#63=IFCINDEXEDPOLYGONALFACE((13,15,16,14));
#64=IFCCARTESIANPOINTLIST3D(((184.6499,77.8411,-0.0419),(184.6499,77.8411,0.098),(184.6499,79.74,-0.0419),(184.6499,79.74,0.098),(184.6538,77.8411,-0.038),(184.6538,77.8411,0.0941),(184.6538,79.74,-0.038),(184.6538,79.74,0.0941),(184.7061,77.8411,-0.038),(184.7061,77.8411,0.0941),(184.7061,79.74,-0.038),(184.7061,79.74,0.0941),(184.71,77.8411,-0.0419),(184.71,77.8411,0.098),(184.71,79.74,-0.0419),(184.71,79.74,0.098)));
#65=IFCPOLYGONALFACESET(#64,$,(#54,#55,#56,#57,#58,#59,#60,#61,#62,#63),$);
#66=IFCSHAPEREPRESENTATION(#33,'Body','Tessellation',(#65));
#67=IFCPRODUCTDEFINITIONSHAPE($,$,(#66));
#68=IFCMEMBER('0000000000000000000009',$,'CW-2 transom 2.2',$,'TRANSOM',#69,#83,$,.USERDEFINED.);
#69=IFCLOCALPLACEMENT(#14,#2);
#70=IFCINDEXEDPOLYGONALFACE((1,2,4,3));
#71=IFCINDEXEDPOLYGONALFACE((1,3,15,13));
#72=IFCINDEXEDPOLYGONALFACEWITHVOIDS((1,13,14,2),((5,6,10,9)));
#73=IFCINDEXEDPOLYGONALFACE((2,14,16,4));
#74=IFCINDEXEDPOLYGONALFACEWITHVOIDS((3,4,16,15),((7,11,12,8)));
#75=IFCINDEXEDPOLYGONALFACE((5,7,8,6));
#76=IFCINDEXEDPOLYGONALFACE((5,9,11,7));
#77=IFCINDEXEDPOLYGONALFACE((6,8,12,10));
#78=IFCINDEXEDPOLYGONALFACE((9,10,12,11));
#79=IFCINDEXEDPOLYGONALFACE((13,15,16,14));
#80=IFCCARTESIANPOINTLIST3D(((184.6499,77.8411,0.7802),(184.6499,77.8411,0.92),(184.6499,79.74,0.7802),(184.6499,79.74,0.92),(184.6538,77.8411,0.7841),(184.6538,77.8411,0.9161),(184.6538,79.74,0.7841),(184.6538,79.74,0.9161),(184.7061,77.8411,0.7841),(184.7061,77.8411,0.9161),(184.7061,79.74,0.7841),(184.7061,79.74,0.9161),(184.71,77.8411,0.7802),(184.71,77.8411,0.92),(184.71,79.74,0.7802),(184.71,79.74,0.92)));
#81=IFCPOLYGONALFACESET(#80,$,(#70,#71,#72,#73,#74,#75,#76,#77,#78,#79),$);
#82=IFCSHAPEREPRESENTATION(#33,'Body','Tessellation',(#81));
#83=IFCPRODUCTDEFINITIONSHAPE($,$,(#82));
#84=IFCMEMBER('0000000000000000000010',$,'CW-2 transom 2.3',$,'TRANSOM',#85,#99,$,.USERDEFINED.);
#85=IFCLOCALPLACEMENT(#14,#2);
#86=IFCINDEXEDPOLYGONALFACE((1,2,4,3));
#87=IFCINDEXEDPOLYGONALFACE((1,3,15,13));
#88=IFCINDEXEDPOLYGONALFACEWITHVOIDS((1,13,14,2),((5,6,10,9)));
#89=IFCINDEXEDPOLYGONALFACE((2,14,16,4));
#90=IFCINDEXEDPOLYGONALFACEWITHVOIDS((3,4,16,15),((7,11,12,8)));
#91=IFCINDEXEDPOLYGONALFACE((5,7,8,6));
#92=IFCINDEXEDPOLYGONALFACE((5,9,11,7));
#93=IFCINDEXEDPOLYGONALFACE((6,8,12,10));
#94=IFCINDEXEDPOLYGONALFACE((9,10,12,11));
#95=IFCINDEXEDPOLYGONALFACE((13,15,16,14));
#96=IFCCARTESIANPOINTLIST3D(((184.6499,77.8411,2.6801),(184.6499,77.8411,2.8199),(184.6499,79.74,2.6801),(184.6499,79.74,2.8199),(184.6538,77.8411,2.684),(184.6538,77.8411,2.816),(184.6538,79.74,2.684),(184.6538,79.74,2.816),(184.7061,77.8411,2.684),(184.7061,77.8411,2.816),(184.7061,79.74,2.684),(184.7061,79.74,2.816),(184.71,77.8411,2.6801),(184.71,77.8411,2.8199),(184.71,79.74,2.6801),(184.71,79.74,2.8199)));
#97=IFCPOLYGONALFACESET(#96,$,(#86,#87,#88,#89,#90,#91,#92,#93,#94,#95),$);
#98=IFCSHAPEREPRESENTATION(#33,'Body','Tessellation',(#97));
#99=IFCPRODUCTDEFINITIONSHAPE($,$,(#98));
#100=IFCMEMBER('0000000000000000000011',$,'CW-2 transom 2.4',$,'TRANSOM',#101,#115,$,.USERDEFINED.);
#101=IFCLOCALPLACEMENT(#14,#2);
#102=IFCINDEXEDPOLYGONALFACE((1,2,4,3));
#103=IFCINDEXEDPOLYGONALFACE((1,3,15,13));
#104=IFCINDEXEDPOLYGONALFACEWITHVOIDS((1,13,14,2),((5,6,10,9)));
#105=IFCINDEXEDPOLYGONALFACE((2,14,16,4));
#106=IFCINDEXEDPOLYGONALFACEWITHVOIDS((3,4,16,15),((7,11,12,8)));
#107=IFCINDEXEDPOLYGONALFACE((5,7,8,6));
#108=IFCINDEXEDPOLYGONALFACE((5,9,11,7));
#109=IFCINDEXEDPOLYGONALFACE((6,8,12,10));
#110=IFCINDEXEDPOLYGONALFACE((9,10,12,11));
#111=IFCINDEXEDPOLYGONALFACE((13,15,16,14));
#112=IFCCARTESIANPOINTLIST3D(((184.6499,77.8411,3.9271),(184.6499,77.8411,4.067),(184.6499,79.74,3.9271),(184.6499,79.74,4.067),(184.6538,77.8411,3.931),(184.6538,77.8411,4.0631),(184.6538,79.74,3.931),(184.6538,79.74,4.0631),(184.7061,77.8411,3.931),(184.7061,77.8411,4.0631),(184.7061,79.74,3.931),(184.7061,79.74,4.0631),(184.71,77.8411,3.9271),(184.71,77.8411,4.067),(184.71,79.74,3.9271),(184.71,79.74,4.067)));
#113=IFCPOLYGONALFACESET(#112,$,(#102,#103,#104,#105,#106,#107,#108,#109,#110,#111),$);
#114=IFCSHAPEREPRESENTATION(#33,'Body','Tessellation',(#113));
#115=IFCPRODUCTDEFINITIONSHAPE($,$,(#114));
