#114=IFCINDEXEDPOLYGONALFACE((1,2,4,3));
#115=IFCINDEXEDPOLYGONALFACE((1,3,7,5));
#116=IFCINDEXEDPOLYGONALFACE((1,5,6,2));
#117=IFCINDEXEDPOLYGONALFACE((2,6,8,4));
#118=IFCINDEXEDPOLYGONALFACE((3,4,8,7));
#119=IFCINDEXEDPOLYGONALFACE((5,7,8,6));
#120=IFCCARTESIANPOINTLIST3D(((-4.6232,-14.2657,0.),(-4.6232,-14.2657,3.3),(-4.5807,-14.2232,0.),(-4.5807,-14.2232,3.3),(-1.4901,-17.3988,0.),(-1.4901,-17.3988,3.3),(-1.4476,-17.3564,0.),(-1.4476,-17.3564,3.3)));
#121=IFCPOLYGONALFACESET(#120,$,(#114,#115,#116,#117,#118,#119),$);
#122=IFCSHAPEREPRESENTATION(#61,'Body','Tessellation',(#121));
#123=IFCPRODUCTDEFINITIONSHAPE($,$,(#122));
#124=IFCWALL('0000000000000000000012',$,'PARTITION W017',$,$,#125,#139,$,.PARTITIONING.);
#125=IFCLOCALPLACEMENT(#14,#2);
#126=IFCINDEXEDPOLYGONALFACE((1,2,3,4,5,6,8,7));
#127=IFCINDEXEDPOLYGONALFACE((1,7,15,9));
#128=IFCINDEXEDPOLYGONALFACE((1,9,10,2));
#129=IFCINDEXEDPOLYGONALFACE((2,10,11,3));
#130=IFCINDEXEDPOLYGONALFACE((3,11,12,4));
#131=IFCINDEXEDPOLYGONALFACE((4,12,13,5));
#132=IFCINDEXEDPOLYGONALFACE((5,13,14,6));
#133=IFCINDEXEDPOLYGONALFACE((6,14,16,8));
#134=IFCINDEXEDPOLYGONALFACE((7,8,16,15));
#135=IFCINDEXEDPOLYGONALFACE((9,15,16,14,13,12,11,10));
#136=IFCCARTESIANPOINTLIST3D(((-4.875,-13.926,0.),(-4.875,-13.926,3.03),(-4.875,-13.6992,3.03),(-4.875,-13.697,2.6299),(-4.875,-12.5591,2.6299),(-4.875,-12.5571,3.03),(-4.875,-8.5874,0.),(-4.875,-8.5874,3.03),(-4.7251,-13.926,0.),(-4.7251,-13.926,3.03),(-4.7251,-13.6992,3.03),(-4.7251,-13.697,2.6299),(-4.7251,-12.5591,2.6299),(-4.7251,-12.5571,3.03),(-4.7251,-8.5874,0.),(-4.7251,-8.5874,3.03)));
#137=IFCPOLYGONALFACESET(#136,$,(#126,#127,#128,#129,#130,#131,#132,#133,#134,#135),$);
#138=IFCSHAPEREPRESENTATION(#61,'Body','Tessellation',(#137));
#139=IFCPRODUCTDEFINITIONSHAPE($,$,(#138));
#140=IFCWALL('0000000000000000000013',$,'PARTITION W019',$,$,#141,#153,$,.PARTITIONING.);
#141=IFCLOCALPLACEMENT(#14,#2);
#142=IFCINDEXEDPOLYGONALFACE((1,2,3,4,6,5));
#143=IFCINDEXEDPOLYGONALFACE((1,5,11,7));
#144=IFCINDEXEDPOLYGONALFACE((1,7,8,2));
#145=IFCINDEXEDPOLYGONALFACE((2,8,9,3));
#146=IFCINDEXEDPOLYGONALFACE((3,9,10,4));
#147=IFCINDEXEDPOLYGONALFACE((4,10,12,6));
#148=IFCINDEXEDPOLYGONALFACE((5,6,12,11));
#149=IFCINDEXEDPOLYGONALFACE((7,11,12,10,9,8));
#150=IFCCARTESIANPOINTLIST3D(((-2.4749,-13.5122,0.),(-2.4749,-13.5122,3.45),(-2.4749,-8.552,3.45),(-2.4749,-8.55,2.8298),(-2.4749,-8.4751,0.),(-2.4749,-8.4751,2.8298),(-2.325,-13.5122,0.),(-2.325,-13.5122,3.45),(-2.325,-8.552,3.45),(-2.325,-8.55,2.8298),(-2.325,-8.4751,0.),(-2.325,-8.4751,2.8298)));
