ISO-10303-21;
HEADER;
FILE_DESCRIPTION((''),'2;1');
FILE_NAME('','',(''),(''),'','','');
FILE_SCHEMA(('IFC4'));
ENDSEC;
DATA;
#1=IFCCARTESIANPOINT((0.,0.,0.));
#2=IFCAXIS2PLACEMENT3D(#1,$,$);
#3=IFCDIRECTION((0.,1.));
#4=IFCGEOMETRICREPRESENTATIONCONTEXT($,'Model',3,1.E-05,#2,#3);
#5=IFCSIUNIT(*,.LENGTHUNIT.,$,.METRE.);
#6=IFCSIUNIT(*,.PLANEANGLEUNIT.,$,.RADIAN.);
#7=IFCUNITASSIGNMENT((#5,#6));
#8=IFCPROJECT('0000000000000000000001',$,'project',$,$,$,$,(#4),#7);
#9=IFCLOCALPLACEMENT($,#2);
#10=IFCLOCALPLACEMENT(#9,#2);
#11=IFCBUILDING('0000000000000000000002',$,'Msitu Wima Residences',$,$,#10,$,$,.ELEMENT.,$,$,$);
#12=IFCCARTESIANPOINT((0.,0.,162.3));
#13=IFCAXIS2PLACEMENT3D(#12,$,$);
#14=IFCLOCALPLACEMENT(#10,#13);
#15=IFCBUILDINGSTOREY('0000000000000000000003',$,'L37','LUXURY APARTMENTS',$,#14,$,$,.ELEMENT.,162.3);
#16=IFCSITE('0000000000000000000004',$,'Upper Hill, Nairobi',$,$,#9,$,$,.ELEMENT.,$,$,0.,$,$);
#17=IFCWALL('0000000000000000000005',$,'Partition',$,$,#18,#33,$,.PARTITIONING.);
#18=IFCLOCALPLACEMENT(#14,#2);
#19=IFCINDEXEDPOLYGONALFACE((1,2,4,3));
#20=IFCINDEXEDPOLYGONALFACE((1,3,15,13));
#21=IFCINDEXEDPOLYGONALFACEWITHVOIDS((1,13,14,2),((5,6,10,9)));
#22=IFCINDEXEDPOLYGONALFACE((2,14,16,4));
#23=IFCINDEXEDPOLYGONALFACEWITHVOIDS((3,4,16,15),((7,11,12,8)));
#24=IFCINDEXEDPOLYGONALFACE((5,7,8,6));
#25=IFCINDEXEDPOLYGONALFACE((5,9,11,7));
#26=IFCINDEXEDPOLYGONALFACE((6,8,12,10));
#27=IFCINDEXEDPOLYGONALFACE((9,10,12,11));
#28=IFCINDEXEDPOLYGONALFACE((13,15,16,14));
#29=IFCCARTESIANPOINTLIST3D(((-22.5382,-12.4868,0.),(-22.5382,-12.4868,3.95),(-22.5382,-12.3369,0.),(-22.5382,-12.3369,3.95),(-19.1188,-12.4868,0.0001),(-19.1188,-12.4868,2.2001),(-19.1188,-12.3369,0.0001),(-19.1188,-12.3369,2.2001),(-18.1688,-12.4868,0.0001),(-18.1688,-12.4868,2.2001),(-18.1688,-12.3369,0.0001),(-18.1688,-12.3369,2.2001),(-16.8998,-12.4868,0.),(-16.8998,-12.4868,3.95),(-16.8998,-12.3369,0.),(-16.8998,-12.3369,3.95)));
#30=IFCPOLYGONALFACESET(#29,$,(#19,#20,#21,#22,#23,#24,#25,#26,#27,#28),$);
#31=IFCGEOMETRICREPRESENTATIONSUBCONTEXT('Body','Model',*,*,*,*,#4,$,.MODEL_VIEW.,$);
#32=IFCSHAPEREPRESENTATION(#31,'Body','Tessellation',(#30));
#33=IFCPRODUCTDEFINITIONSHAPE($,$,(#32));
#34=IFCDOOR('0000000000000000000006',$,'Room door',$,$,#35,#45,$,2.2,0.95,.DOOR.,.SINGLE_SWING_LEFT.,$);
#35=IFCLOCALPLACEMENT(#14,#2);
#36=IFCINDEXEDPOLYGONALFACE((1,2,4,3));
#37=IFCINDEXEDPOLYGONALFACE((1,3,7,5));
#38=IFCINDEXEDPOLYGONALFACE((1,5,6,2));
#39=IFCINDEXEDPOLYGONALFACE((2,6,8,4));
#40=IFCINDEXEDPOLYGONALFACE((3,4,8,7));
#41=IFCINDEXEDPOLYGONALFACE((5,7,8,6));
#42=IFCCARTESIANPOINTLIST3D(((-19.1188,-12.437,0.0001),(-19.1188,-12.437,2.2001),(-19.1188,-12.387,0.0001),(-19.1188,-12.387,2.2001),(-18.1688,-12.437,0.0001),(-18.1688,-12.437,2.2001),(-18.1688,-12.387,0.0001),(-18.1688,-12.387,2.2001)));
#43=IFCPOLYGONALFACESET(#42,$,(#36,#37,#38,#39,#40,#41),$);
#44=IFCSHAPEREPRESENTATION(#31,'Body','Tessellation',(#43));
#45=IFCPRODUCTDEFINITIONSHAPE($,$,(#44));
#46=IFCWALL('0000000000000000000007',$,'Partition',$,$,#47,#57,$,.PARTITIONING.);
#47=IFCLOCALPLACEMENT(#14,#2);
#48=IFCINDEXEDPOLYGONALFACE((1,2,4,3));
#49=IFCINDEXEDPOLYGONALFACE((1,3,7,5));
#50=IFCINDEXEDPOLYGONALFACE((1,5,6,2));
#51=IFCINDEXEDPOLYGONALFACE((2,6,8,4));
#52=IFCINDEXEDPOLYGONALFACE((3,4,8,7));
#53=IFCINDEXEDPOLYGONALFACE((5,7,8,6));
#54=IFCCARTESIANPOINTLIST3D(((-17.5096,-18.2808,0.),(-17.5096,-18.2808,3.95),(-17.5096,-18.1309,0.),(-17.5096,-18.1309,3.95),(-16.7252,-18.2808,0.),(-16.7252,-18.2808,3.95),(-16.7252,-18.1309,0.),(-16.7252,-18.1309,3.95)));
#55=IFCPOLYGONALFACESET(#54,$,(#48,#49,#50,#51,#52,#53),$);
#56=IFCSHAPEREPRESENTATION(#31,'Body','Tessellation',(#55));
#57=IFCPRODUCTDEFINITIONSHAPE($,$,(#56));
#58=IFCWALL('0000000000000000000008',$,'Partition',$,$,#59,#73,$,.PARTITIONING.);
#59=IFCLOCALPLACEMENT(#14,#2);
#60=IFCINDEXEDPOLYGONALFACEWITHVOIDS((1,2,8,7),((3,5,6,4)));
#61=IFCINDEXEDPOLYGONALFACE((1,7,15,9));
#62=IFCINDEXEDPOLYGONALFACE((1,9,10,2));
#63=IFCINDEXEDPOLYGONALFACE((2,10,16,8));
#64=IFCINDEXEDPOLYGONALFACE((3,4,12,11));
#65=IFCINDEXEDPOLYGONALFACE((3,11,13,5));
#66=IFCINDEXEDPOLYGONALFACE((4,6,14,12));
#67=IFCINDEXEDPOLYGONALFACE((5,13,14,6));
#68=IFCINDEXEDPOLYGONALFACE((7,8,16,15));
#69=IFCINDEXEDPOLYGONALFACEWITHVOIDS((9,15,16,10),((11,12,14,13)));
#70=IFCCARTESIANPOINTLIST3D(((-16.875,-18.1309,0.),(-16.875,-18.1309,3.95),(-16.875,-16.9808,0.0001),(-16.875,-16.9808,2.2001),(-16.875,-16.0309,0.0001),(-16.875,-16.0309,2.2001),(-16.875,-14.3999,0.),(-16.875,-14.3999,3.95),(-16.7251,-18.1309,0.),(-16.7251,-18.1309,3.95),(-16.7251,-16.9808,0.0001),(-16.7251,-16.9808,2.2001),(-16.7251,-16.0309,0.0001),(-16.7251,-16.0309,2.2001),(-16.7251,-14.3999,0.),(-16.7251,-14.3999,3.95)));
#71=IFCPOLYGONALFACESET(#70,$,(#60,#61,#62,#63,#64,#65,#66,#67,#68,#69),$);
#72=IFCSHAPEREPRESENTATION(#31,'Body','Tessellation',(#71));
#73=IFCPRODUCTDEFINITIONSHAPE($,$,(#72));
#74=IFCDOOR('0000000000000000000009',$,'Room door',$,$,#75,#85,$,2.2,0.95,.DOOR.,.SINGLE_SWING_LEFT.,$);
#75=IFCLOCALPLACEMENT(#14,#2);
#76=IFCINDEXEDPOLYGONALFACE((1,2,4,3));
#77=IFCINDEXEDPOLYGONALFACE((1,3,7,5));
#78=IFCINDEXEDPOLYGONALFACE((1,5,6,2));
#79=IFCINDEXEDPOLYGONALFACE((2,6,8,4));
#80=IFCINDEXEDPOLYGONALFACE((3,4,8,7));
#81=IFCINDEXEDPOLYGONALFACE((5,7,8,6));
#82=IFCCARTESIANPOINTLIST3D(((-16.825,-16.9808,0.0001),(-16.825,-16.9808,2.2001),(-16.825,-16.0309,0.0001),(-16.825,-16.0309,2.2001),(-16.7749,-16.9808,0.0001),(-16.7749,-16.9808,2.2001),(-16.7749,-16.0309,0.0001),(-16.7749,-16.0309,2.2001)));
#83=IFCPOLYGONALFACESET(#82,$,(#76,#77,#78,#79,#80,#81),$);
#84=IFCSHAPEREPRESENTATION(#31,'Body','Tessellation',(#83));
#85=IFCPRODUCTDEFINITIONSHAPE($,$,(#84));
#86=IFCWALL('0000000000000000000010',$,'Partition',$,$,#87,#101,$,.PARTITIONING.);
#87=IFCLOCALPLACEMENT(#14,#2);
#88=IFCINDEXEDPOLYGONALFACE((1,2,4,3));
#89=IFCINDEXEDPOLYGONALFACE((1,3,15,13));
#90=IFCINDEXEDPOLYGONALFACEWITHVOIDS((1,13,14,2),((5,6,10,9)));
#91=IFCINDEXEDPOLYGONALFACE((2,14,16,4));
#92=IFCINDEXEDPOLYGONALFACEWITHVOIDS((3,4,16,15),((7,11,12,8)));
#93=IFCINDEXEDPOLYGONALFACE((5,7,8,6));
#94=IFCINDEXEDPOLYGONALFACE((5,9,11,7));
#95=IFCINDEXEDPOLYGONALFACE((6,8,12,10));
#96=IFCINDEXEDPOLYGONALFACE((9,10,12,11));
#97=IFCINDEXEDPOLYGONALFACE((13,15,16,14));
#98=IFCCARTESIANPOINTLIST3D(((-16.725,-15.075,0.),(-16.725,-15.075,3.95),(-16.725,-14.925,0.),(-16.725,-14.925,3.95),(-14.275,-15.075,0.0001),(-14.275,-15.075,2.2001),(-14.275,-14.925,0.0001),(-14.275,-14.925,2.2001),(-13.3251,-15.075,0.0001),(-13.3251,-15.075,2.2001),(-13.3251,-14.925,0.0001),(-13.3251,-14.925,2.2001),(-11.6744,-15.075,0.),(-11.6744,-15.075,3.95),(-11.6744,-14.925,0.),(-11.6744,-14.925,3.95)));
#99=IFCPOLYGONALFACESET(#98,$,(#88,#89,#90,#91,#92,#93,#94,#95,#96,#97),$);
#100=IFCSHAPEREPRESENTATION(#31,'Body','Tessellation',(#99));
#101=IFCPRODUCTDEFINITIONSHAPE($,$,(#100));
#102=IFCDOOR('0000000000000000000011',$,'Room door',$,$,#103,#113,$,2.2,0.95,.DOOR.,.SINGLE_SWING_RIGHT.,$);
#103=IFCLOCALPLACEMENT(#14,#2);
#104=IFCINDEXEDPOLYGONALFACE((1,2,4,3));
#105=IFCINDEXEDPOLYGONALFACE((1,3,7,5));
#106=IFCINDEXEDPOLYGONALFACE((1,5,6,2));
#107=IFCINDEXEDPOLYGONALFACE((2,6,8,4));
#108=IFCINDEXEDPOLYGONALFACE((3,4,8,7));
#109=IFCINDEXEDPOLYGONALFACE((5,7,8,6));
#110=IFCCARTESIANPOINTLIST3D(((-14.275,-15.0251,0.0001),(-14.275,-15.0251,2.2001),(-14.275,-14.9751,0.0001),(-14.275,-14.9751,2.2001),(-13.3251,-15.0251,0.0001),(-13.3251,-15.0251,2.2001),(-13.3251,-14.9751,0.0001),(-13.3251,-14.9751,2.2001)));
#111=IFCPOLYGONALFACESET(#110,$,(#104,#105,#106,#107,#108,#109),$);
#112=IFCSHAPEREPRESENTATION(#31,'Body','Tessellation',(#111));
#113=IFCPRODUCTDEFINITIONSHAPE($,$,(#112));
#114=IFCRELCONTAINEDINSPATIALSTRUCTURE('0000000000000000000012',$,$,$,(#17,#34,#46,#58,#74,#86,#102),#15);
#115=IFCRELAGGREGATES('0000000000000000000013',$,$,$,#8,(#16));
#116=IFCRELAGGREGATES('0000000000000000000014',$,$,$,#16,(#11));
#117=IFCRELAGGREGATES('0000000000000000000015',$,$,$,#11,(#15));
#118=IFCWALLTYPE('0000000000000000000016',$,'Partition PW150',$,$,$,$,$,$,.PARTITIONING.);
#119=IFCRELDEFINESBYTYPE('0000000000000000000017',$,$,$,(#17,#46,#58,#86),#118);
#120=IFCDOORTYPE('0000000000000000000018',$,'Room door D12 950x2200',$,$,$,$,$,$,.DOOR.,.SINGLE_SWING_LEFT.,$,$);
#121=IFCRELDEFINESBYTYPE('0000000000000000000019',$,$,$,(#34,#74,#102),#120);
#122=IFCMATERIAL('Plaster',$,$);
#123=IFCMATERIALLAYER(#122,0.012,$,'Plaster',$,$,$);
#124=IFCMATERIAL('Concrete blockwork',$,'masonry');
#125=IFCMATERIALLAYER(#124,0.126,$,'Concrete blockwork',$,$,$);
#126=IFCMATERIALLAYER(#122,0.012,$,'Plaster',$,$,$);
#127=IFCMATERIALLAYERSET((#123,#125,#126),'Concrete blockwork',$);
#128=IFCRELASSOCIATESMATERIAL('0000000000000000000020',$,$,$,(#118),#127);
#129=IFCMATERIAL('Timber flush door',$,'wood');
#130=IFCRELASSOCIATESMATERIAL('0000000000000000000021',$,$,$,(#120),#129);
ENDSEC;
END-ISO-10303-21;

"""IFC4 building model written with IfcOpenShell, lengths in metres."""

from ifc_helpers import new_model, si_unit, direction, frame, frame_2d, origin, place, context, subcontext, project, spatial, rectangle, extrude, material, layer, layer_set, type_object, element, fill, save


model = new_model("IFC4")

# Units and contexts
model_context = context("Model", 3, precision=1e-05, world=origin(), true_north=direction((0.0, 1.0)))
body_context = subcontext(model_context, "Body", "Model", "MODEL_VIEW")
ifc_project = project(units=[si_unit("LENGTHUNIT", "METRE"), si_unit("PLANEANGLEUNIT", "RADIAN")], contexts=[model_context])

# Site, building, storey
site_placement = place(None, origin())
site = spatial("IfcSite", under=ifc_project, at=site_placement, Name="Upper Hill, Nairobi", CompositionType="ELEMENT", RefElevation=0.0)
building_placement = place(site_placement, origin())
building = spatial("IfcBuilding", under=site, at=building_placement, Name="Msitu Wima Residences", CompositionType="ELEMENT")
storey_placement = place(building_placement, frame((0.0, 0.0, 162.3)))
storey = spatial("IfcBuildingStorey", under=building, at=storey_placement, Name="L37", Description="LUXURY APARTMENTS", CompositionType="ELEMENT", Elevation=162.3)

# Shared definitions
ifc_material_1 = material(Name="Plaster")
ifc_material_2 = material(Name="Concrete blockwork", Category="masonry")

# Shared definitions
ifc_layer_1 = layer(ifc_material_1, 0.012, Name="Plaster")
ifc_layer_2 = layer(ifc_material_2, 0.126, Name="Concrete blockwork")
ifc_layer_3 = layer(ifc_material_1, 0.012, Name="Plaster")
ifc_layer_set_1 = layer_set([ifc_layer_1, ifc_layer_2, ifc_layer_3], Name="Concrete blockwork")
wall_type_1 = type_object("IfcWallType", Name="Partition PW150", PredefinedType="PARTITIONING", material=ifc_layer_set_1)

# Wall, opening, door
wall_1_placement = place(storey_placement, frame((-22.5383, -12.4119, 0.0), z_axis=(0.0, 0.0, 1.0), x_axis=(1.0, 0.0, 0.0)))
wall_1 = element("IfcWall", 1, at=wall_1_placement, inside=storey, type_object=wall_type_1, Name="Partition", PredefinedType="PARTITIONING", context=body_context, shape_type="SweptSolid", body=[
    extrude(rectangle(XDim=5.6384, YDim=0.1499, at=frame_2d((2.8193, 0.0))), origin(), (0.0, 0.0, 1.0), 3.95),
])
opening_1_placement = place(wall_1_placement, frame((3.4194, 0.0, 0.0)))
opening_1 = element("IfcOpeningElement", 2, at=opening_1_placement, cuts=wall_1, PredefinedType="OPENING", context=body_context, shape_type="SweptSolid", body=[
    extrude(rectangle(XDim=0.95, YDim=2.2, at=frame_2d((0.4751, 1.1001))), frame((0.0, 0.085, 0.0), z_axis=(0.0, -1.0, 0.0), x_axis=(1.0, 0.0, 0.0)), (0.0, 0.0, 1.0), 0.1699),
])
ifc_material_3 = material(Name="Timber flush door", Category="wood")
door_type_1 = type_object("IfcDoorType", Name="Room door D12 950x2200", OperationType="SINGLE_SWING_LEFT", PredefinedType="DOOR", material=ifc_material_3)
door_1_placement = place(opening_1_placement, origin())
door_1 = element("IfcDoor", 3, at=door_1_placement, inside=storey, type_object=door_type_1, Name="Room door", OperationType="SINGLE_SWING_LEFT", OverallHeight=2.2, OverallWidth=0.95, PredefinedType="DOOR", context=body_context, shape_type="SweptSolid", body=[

◆ What is required ◆
Of the lines above, output exactly those from the line bearing "#80=IFCINDEXEDPOLYGONALFACE((3,4,8,7));" through the line bearing "#97=IFCINDEXEDPOLYGONALFACE((13,15,16,14));", inclusive.

◆ Answer to the problem ◆
#80=IFCINDEXEDPOLYGONALFACE((3,4,8,7));
#81=IFCINDEXEDPOLYGONALFACE((5,7,8,6));
#82=IFCCARTESIANPOINTLIST3D(((-16.825,-16.9808,0.0001),(-16.825,-16.9808,2.2001),(-16.825,-16.0309,0.0001),(-16.825,-16.0309,2.2001),(-16.7749,-16.9808,0.0001),(-16.7749,-16.9808,2.2001),(-16.7749,-16.0309,0.0001),(-16.7749,-16.0309,2.2001)));
#83=IFCPOLYGONALFACESET(#82,$,(#76,#77,#78,#79,#80,#81),$);
#84=IFCSHAPEREPRESENTATION(#31,'Body','Tessellation',(#83));
#85=IFCPRODUCTDEFINITIONSHAPE($,$,(#84));
#86=IFCWALL('0000000000000000000010',$,'Partition',$,$,#87,#101,$,.PARTITIONING.);
#87=IFCLOCALPLACEMENT(#14,#2);
#88=IFCINDEXEDPOLYGONALFACE((1,2,4,3));
#89=IFCINDEXEDPOLYGONALFACE((1,3,15,13));
#90=IFCINDEXEDPOLYGONALFACEWITHVOIDS((1,13,14,2),((5,6,10,9)));
#91=IFCINDEXEDPOLYGONALFACE((2,14,16,4));
#92=IFCINDEXEDPOLYGONALFACEWITHVOIDS((3,4,16,15),((7,11,12,8)));
#93=IFCINDEXEDPOLYGONALFACE((5,7,8,6));
#94=IFCINDEXEDPOLYGONALFACE((5,9,11,7));
#95=IFCINDEXEDPOLYGONALFACE((6,8,12,10));
#96=IFCINDEXEDPOLYGONALFACE((9,10,12,11));
#97=IFCINDEXEDPOLYGONALFACE((13,15,16,14));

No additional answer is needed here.